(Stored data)
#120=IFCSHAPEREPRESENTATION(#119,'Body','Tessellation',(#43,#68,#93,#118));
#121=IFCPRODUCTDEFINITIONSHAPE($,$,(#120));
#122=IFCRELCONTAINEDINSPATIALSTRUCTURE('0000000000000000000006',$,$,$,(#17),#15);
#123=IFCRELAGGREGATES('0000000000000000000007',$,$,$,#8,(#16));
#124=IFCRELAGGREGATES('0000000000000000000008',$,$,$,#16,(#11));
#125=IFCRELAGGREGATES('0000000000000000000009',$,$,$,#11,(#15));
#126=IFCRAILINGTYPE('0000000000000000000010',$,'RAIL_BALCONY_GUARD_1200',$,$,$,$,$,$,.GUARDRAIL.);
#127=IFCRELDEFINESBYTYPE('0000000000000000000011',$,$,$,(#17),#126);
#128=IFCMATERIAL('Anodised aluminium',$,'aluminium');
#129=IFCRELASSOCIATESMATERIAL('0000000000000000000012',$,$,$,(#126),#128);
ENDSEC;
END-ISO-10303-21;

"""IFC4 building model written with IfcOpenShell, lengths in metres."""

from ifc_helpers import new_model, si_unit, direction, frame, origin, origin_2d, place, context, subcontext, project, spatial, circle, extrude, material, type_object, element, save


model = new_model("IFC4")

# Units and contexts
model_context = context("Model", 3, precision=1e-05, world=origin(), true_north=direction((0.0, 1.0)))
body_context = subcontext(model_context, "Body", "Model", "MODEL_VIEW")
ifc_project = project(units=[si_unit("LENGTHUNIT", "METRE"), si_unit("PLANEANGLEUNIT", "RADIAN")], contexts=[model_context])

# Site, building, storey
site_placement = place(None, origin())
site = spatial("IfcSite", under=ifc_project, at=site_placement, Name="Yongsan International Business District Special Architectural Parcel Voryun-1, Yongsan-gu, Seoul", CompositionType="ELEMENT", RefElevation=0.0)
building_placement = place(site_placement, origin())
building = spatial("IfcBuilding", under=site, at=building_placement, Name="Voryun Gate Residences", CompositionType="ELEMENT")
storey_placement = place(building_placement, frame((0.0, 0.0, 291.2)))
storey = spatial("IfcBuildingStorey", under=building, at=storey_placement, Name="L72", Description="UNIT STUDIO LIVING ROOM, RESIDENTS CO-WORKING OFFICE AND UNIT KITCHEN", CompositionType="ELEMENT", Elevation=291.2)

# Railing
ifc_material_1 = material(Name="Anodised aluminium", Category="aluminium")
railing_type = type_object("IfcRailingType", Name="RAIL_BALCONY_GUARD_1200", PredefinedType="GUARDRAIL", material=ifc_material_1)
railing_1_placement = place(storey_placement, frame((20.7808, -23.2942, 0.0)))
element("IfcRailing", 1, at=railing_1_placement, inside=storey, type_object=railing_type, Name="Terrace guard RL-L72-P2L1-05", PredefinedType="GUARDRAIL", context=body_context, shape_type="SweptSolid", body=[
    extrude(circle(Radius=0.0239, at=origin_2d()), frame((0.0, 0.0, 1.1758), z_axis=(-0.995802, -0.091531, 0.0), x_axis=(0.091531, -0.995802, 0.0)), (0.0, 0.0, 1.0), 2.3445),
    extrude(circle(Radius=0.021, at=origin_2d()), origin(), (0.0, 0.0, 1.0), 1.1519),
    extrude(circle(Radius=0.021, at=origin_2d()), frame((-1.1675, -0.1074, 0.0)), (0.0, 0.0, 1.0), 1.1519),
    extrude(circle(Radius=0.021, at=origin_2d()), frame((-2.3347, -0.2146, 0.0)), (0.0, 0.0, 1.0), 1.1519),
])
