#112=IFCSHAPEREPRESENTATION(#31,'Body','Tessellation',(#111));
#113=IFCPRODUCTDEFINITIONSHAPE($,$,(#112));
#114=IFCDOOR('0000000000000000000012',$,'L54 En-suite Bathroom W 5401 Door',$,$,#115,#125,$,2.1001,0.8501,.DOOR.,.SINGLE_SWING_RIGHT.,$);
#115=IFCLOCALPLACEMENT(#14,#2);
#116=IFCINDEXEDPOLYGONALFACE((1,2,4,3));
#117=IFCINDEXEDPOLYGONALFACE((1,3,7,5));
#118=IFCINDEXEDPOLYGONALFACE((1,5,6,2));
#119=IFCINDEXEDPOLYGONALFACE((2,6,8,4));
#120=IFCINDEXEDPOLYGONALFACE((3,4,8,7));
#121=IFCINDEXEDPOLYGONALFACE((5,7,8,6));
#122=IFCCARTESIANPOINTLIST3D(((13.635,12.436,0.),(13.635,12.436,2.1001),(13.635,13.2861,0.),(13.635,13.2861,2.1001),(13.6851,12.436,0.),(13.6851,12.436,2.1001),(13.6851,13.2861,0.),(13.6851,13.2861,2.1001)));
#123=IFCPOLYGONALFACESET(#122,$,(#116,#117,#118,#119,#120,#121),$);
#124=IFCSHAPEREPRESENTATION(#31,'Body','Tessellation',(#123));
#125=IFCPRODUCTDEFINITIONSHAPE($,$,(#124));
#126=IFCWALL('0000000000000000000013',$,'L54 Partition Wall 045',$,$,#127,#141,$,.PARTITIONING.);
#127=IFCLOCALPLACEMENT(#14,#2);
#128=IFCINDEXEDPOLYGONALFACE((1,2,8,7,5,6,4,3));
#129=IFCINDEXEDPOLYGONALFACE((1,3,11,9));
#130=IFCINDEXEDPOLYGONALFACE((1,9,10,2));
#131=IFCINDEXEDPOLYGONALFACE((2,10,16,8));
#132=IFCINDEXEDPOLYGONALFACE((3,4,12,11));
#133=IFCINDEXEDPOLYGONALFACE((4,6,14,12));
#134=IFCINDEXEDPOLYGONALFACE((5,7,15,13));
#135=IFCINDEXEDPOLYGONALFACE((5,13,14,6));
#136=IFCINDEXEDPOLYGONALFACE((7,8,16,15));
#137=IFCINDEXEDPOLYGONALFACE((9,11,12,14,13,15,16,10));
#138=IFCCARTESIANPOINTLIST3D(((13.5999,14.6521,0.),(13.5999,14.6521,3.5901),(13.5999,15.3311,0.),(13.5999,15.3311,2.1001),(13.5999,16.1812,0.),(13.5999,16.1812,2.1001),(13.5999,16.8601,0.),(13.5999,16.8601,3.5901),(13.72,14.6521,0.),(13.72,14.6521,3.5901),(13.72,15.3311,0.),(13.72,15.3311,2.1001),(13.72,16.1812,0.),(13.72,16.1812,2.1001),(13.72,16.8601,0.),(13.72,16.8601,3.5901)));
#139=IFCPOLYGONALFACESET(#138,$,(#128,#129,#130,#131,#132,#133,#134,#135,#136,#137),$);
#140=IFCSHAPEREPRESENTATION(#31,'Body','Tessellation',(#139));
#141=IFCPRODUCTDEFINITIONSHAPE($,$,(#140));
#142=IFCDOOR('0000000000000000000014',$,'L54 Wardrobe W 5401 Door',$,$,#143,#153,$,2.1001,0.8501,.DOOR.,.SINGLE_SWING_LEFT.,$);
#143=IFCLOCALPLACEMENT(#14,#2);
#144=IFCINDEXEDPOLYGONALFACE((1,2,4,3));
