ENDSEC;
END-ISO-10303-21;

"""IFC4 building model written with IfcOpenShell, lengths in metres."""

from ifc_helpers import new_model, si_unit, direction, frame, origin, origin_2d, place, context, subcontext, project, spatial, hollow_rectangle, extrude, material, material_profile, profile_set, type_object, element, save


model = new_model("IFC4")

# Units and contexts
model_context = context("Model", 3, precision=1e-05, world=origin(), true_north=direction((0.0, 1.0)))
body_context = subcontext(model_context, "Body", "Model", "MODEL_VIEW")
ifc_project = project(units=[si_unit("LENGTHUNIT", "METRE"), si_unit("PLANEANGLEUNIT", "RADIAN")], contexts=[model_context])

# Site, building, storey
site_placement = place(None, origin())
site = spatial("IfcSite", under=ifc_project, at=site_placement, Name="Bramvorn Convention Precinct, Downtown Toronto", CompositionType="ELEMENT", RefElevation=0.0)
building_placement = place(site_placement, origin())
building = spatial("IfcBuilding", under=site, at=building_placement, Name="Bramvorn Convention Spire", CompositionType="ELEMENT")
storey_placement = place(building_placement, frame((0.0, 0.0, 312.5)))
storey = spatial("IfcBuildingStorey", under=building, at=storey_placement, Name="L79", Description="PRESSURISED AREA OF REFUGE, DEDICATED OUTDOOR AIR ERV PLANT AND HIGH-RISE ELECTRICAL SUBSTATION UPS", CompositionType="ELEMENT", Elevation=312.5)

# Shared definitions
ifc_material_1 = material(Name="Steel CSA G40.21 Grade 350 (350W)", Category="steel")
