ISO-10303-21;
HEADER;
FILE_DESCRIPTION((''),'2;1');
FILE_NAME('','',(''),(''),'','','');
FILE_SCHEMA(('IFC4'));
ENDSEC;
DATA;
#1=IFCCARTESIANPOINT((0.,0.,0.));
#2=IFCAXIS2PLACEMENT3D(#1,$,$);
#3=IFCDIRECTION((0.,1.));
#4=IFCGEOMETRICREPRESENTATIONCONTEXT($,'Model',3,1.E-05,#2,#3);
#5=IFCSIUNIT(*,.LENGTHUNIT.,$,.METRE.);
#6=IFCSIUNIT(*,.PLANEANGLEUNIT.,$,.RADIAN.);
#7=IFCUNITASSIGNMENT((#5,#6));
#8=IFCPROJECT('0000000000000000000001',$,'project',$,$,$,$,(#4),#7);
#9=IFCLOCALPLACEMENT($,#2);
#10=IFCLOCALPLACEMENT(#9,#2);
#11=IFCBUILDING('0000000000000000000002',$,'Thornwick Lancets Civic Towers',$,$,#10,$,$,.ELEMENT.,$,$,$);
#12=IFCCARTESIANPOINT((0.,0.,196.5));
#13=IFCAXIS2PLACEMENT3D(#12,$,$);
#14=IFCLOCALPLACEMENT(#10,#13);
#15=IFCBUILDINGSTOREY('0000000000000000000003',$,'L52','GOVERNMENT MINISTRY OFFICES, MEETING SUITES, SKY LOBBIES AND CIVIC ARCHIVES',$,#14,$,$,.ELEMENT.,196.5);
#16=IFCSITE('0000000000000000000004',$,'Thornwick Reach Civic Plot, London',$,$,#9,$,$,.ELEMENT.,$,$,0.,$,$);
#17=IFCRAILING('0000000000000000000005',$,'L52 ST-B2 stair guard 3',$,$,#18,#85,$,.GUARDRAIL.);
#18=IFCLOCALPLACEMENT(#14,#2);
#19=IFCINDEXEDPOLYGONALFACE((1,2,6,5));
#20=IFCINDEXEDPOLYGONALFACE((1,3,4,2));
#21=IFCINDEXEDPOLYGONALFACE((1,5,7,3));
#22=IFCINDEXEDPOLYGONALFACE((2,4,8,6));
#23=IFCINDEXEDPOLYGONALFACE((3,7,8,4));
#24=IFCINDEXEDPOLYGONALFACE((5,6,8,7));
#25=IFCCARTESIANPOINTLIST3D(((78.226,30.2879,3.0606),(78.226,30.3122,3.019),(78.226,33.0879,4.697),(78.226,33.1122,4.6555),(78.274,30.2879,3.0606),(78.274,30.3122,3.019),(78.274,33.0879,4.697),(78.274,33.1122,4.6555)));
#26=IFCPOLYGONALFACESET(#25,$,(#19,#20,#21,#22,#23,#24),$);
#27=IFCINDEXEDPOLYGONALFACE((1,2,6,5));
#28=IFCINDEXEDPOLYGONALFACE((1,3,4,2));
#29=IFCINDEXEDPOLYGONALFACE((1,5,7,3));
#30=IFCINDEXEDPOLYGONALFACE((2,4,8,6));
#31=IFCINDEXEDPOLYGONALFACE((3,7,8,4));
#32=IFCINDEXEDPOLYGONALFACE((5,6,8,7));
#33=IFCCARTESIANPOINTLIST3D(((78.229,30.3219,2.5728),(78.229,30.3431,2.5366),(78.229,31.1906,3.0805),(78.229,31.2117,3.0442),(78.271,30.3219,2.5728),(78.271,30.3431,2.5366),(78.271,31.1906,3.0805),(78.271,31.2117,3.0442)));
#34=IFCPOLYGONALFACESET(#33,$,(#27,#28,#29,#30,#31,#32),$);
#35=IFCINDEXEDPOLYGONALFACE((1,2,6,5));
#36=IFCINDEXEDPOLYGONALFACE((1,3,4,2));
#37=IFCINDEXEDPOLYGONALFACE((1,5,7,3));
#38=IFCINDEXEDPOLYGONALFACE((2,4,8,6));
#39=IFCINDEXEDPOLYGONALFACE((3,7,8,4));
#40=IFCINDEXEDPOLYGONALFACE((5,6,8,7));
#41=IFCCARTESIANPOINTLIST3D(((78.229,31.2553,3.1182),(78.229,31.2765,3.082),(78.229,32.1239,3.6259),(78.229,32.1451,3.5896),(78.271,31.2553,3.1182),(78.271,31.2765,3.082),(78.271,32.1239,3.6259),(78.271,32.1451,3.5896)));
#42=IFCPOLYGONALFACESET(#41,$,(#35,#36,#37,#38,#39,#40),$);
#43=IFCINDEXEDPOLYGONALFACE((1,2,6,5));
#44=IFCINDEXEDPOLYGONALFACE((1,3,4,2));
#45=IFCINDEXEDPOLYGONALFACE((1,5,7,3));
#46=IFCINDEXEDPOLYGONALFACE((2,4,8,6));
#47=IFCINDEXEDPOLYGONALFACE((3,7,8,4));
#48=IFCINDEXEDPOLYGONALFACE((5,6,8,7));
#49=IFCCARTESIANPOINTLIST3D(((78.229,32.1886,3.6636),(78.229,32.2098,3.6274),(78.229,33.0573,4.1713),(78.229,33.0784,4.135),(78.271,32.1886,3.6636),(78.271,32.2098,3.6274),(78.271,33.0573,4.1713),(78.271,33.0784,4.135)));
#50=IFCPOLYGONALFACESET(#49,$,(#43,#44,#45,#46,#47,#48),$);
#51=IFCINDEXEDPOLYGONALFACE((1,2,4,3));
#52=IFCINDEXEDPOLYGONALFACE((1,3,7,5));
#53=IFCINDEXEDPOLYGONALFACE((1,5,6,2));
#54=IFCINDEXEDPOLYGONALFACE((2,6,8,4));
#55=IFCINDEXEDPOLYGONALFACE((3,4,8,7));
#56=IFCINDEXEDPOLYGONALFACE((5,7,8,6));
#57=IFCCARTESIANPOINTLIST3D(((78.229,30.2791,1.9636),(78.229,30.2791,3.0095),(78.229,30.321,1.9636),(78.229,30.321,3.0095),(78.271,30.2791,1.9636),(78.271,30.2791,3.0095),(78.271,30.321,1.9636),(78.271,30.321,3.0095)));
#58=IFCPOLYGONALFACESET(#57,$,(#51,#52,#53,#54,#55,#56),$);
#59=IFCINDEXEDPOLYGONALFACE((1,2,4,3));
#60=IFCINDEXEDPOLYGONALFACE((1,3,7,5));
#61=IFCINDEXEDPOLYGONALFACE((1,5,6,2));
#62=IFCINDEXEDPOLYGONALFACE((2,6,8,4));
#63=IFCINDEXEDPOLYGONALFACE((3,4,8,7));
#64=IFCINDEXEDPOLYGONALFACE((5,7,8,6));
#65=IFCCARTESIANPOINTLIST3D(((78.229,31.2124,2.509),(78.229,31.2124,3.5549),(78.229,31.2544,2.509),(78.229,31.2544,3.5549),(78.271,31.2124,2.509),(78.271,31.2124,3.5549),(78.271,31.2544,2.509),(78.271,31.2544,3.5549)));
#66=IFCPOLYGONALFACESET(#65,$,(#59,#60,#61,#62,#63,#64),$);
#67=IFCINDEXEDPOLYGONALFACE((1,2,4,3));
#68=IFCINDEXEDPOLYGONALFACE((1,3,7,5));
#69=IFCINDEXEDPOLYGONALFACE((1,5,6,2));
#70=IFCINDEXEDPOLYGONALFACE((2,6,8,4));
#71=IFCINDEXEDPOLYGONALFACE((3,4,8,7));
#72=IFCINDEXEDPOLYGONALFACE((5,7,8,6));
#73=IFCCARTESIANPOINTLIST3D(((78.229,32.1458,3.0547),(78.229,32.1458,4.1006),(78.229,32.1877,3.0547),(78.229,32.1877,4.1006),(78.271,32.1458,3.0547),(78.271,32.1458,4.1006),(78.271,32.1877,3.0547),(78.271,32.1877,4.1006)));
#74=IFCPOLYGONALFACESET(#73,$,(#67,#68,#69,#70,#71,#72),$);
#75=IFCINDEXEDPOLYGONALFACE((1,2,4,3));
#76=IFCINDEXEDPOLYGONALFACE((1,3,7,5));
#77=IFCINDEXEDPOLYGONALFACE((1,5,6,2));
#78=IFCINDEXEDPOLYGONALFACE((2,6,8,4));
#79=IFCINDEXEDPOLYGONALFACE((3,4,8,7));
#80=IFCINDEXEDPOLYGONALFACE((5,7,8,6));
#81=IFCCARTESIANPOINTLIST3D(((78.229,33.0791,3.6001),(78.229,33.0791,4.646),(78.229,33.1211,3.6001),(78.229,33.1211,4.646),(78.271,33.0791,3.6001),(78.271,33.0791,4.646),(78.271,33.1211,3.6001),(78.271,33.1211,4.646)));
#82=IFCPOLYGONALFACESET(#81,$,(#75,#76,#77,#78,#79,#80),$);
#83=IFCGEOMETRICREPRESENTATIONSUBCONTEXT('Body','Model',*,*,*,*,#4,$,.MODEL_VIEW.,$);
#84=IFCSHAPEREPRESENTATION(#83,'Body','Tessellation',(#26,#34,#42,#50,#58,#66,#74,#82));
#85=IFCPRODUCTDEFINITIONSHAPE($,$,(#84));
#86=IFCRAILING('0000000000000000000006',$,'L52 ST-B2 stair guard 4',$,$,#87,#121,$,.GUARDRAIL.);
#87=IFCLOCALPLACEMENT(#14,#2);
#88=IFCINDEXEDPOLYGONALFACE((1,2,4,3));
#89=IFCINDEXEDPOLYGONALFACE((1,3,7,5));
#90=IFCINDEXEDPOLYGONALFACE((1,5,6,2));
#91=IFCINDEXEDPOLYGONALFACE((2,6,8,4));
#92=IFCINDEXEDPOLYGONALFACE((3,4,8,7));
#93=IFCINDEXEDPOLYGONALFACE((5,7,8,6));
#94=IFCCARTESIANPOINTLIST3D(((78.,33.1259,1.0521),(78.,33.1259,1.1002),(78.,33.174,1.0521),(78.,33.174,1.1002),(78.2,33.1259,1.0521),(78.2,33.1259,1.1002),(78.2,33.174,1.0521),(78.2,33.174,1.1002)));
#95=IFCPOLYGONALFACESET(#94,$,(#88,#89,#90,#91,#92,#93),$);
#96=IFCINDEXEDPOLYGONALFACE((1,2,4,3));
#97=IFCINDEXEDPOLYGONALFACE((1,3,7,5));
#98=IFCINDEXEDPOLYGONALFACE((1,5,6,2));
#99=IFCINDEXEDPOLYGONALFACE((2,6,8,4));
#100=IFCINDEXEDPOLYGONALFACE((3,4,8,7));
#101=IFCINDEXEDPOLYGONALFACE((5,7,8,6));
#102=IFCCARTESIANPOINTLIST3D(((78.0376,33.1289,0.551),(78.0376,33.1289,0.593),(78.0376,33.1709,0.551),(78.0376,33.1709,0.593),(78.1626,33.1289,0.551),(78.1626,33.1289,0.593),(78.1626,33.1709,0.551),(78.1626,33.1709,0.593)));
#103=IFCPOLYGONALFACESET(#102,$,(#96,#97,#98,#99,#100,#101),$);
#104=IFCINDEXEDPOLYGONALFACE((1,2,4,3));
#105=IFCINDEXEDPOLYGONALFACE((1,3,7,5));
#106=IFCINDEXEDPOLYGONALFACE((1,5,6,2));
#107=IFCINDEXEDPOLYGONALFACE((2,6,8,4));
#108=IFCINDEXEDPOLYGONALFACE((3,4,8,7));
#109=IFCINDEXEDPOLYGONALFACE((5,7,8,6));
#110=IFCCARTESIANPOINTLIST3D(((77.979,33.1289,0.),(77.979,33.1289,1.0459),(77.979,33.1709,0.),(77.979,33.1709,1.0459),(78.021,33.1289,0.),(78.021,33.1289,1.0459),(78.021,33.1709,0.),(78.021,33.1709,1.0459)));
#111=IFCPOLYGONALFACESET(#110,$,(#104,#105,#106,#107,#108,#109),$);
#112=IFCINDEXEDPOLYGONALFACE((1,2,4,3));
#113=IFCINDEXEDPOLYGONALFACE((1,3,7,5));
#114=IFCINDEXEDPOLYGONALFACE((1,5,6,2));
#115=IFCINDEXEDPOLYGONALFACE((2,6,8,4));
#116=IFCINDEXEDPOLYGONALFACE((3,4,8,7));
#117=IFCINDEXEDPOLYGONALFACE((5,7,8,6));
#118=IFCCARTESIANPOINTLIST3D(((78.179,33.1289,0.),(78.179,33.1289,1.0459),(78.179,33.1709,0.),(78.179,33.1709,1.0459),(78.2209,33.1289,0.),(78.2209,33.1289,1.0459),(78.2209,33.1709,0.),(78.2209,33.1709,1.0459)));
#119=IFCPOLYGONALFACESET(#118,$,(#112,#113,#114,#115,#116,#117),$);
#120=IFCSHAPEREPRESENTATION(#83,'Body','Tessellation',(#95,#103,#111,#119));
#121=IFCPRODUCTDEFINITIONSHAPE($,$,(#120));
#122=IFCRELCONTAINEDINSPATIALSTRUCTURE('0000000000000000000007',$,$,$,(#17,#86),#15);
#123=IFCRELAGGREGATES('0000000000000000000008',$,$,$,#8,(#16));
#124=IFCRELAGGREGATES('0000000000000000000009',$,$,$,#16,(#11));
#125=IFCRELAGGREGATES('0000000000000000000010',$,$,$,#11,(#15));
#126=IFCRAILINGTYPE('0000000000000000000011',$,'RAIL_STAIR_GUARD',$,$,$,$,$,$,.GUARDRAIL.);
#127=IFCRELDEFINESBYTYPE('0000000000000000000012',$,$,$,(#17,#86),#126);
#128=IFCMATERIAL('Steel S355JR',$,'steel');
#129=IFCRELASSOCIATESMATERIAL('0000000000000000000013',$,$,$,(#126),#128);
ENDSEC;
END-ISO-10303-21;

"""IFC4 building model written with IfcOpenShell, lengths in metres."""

from ifc_helpers import new_model, si_unit, direction, frame, origin, origin_2d, place, context, subcontext, project, spatial, rectangle, extrude, material, type_object, element, save


model = new_model("IFC4")

# Units and contexts
model_context = context("Model", 3, precision=1e-05, world=origin(), true_north=direction((0.0, 1.0)))
body_context = subcontext(model_context, "Body", "Model", "MODEL_VIEW")
ifc_project = project(units=[si_unit("LENGTHUNIT", "METRE"), si_unit("PLANEANGLEUNIT", "RADIAN")], contexts=[model_context])

# Site, building, storey
site_placement = place(None, origin())
site = spatial("IfcSite", under=ifc_project, at=site_placement, Name="Thornwick Reach Civic Plot, London", CompositionType="ELEMENT", RefElevation=0.0)
building_placement = place(site_placement, origin())
building = spatial("IfcBuilding", under=site, at=building_placement, Name="Thornwick Lancets Civic Towers", CompositionType="ELEMENT")
storey_placement = place(building_placement, frame((0.0, 0.0, 196.5)))
storey = spatial("IfcBuildingStorey", under=building, at=storey_placement, Name="L52", Description="GOVERNMENT MINISTRY OFFICES, MEETING SUITES, SKY LOBBIES AND CIVIC ARCHIVES", CompositionType="ELEMENT", Elevation=196.5)

# Railings
ifc_material_1 = material(Name="Steel S355JR", Category="steel")
railing_type_1 = type_object("IfcRailingType", Name="RAIL_STAIR_GUARD", PredefinedType="GUARDRAIL", material=ifc_material_1)
railing_1_placement = place(storey_placement, frame((78.25, 30.3, 1.9636)))
element("IfcRailing", 1, at=railing_1_placement, inside=storey, type_object=railing_type_1, Name="L52 ST-B2 stair guard 3", PredefinedType="GUARDRAIL", context=body_context, shape_type="SweptSolid", body=[
    extrude(rectangle(XDim=0.0481, YDim=0.0481, at=origin_2d()), frame((0.0, 0.0, 1.0762), z_axis=(0.0, 0.863361, 0.504587), x_axis=(-1.0, 0.0, 0.0)), (0.0, 0.0, 1.0), 3.2432),
    extrude(rectangle(XDim=0.042, YDim=0.042, at=origin_2d()), frame((0.0, 0.0325, 0.5911), z_axis=(0.0, 0.863361, 0.504587), x_axis=(-1.0, 0.0, 0.0)), (0.0, 0.0, 1.0), 1.0061),
    extrude(rectangle(XDim=0.042, YDim=0.042, at=origin_2d()), frame((0.0, 0.9658, 1.1365), z_axis=(0.0, 0.863361, 0.504587), x_axis=(-1.0, 0.0, 0.0)), (0.0, 0.0, 1.0), 1.0061),
    extrude(rectangle(XDim=0.042, YDim=0.042, at=origin_2d()), frame((0.0, 1.8992, 1.6819), z_axis=(0.0, 0.863361, 0.504587), x_axis=(-1.0, 0.0, 0.0)), (0.0, 0.0, 1.0), 1.0061),
    extrude(rectangle(XDim=0.042, YDim=0.042, at=origin_2d()), origin(), (0.0, 0.0, 1.0), 1.0459),
    extrude(rectangle(XDim=0.042, YDim=0.042, at=origin_2d()), frame((0.0, 0.9333, 0.5454)), (0.0, 0.0, 1.0), 1.0459),
    extrude(rectangle(XDim=0.042, YDim=0.042, at=origin_2d()), frame((0.0, 1.8667, 1.0911)), (0.0, 0.0, 1.0), 1.0459),
    extrude(rectangle(XDim=0.042, YDim=0.042, at=origin_2d()), frame((0.0, 2.8, 1.6365)), (0.0, 0.0, 1.0), 1.0459),
])
railing_2_placement = place(storey_placement, frame((78.0, 33.1499, 0.0)))
element("IfcRailing", 2, at=railing_2_placement, inside=storey, type_object=railing_type_1, Name="L52 ST-B2 stair guard 4", PredefinedType="GUARDRAIL", context=body_context, shape_type="SweptSolid", body=[
    extrude(rectangle(XDim=0.0481, YDim=0.0481, at=origin_2d()), frame((0.0, 0.0, 1.0762), z_axis=(1.0, 0.0, 0.0), x_axis=(0.0, 1.0, 0.0)), (0.0, 0.0, 1.0), 0.2),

**TASK INSTRUCTIONS:** Would you copy, unchanged, the stretch of the records above that begins at the line containing "#76=IFCINDEXEDPOLYGONALFACE((1,3,7,5));" and ends at the line containing "#101=IFCINDEXEDPOLYGONALFACE((5,7,8,6));", and only that?

**RESPONSE TO THIS TASK:**
#76=IFCINDEXEDPOLYGONALFACE((1,3,7,5));
#77=IFCINDEXEDPOLYGONALFACE((1,5,6,2));
#78=IFCINDEXEDPOLYGONALFACE((2,6,8,4));
#79=IFCINDEXEDPOLYGONALFACE((3,4,8,7));
#80=IFCINDEXEDPOLYGONALFACE((5,7,8,6));
#81=IFCCARTESIANPOINTLIST3D(((78.229,33.0791,3.6001),(78.229,33.0791,4.646),(78.229,33.1211,3.6001),(78.229,33.1211,4.646),(78.271,33.0791,3.6001),(78.271,33.0791,4.646),(78.271,33.1211,3.6001),(78.271,33.1211,4.646)));
#82=IFCPOLYGONALFACESET(#81,$,(#75,#76,#77,#78,#79,#80),$);
#83=IFCGEOMETRICREPRESENTATIONSUBCONTEXT('Body','Model',*,*,*,*,#4,$,.MODEL_VIEW.,$);
#84=IFCSHAPEREPRESENTATION(#83,'Body','Tessellation',(#26,#34,#42,#50,#58,#66,#74,#82));
#85=IFCPRODUCTDEFINITIONSHAPE($,$,(#84));
#86=IFCRAILING('0000000000000000000006',$,'L52 ST-B2 stair guard 4',$,$,#87,#121,$,.GUARDRAIL.);
#87=IFCLOCALPLACEMENT(#14,#2);
#88=IFCINDEXEDPOLYGONALFACE((1,2,4,3));
#89=IFCINDEXEDPOLYGONALFACE((1,3,7,5));
#90=IFCINDEXEDPOLYGONALFACE((1,5,6,2));
#91=IFCINDEXEDPOLYGONALFACE((2,6,8,4));
#92=IFCINDEXEDPOLYGONALFACE((3,4,8,7));
#93=IFCINDEXEDPOLYGONALFACE((5,7,8,6));
#94=IFCCARTESIANPOINTLIST3D(((78.,33.1259,1.0521),(78.,33.1259,1.1002),(78.,33.174,1.0521),(78.,33.174,1.1002),(78.2,33.1259,1.0521),(78.2,33.1259,1.1002),(78.2,33.174,1.0521),(78.2,33.174,1.1002)));
#95=IFCPOLYGONALFACESET(#94,$,(#88,#89,#90,#91,#92,#93),$);
#96=IFCINDEXEDPOLYGONALFACE((1,2,4,3));
#97=IFCINDEXEDPOLYGONALFACE((1,3,7,5));
#98=IFCINDEXEDPOLYGONALFACE((1,5,6,2));
#99=IFCINDEXEDPOLYGONALFACE((2,6,8,4));
#100=IFCINDEXEDPOLYGONALFACE((3,4,8,7));
#101=IFCINDEXEDPOLYGONALFACE((5,7,8,6));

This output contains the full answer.